--- Records shown Enclosed Below ---

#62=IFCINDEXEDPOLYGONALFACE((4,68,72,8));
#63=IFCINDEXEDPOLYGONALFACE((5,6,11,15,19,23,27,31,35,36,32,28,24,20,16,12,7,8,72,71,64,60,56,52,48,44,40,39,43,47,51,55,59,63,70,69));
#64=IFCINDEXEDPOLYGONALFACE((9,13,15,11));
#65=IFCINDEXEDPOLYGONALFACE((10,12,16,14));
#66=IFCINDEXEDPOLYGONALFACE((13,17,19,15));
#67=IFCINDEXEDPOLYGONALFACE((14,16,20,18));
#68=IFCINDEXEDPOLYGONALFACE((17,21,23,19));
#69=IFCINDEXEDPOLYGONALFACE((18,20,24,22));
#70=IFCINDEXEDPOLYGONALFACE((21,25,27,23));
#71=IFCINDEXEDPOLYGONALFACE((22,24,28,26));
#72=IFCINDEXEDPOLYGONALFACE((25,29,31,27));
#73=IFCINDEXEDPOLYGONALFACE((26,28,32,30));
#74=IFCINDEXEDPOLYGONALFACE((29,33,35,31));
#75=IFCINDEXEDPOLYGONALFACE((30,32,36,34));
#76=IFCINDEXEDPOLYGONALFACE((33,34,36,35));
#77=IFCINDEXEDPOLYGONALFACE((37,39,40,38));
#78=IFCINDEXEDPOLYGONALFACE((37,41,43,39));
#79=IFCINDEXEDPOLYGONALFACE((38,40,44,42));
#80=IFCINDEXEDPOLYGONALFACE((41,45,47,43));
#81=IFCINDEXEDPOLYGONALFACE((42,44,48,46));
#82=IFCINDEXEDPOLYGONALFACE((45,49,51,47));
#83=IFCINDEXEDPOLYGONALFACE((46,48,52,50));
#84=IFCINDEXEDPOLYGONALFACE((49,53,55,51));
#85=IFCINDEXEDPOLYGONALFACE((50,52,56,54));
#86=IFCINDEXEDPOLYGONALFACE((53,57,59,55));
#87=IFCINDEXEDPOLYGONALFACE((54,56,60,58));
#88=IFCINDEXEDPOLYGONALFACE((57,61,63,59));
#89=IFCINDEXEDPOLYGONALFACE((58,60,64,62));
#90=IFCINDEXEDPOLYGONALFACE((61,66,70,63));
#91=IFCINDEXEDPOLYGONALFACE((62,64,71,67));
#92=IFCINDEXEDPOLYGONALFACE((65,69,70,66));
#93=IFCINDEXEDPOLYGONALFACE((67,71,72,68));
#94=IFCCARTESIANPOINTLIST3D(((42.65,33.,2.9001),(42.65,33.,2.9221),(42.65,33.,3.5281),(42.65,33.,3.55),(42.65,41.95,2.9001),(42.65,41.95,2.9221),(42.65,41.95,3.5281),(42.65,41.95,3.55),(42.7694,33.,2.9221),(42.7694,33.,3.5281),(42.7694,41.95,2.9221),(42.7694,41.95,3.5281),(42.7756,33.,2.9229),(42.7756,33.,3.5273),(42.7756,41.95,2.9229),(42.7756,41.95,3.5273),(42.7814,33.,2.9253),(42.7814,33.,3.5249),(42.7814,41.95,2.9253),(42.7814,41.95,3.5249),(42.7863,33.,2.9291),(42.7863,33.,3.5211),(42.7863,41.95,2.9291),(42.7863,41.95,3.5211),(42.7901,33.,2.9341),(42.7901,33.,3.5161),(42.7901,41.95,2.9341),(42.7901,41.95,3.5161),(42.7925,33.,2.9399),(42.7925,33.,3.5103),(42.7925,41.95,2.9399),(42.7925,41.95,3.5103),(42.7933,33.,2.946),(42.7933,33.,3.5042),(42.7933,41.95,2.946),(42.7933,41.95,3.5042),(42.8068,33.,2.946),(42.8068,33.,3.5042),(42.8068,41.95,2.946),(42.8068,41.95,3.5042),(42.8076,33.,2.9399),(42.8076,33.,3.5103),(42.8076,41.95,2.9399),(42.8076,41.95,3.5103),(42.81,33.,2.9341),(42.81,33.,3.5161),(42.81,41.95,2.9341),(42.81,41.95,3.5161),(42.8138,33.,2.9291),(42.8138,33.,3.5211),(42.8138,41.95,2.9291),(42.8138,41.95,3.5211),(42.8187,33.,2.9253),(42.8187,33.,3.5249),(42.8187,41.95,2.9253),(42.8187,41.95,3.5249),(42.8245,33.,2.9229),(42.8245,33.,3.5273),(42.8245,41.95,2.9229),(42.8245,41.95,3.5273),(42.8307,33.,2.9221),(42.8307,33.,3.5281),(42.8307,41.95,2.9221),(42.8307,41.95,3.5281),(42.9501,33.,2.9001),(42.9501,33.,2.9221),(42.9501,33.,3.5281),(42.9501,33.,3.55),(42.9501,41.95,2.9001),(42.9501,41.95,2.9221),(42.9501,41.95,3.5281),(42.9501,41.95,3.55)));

--- End of Enclosed Records shown ---
--- Records shown Enclosed Below ---

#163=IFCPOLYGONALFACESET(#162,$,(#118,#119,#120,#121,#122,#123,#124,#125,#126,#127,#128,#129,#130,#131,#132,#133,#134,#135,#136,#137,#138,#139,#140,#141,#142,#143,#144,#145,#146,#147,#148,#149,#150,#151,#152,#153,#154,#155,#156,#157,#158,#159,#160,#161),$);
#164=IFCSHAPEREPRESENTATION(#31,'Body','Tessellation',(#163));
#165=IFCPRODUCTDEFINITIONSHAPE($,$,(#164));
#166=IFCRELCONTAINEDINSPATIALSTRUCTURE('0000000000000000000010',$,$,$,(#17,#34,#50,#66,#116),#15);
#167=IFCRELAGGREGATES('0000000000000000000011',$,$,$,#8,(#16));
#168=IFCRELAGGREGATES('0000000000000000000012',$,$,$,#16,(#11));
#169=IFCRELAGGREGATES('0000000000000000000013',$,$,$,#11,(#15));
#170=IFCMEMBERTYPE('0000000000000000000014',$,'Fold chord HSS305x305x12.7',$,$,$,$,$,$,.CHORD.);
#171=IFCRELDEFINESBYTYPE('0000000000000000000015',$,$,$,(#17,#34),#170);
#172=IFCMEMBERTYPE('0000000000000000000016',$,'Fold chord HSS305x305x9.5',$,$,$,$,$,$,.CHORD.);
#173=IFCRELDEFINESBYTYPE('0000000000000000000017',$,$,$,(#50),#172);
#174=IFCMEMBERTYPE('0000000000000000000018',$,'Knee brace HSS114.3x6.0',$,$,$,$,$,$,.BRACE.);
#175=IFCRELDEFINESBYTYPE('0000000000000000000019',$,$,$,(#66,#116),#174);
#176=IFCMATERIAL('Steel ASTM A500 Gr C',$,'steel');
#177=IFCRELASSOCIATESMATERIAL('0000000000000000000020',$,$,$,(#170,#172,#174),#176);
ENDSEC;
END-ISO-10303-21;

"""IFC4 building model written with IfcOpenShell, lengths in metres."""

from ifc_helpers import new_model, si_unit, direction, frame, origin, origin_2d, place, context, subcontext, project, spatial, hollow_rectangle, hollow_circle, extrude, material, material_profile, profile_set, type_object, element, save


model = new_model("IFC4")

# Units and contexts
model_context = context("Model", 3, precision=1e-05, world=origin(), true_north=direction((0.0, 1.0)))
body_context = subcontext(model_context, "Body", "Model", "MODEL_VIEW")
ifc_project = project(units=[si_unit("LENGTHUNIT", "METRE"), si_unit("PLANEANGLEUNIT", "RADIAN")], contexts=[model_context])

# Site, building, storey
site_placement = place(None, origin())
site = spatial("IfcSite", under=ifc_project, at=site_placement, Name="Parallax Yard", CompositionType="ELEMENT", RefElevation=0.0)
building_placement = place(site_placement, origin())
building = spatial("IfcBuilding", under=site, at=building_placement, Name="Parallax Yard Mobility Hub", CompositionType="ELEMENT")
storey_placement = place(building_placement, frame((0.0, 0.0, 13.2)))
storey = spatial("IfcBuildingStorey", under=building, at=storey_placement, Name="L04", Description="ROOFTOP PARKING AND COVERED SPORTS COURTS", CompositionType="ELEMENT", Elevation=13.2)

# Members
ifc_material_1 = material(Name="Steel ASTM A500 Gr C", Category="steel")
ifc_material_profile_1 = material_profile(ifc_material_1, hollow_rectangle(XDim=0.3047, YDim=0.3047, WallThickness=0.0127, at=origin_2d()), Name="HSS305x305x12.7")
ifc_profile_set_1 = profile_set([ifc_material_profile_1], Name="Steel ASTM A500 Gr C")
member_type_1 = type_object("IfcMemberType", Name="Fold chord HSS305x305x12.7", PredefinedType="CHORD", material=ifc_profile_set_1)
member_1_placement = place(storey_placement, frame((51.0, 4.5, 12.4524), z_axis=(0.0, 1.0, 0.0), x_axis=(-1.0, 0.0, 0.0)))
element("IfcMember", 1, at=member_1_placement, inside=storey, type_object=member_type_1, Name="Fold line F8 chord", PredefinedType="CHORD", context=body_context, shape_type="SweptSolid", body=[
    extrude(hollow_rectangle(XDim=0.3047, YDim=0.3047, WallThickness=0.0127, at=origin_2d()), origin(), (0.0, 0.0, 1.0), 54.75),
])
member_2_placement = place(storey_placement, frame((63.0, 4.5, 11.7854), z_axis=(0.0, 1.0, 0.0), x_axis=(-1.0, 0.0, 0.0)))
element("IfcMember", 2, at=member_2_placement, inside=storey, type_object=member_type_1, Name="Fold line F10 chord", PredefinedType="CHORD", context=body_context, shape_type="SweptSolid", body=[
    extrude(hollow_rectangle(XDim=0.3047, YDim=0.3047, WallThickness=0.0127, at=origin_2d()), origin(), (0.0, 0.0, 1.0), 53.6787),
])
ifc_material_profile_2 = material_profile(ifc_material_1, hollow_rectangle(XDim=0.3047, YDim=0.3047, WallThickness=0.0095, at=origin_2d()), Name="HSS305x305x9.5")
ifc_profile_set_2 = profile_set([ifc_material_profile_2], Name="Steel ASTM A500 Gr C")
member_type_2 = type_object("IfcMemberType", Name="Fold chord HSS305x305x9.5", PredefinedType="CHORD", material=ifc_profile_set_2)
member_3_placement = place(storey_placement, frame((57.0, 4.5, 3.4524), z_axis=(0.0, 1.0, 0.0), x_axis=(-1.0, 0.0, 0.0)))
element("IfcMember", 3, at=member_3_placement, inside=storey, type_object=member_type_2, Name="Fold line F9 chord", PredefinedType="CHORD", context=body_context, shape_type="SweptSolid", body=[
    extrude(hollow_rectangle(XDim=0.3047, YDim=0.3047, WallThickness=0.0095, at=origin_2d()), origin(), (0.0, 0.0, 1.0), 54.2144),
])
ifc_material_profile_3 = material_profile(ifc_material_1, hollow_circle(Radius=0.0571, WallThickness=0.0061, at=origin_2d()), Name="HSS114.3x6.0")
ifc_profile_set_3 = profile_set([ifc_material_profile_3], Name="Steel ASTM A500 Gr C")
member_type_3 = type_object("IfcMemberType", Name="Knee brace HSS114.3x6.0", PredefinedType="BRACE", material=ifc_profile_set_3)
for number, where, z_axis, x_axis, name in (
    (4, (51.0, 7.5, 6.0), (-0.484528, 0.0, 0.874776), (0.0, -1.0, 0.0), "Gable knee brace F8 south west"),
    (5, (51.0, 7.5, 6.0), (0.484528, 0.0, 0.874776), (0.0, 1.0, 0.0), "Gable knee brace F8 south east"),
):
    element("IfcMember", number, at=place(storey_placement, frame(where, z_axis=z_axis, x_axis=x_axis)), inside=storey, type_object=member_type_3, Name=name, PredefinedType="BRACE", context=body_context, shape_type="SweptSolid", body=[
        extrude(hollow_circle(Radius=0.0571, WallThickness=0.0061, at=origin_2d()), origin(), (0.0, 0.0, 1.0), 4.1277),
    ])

--- End of Enclosed Records shown ---

### What is needed
Lines from the entries that contain the string "where" must be found and copied.

### Answer to the exercise
for number, where, z_axis, x_axis, name in (
    element("IfcMember", number, at=place(storey_placement, frame(where, z_axis=z_axis, x_axis=x_axis)), inside=storey, type_object=member_type_3, Name=name, PredefinedType="BRACE", context=body_context, shape_type="SweptSolid", body=[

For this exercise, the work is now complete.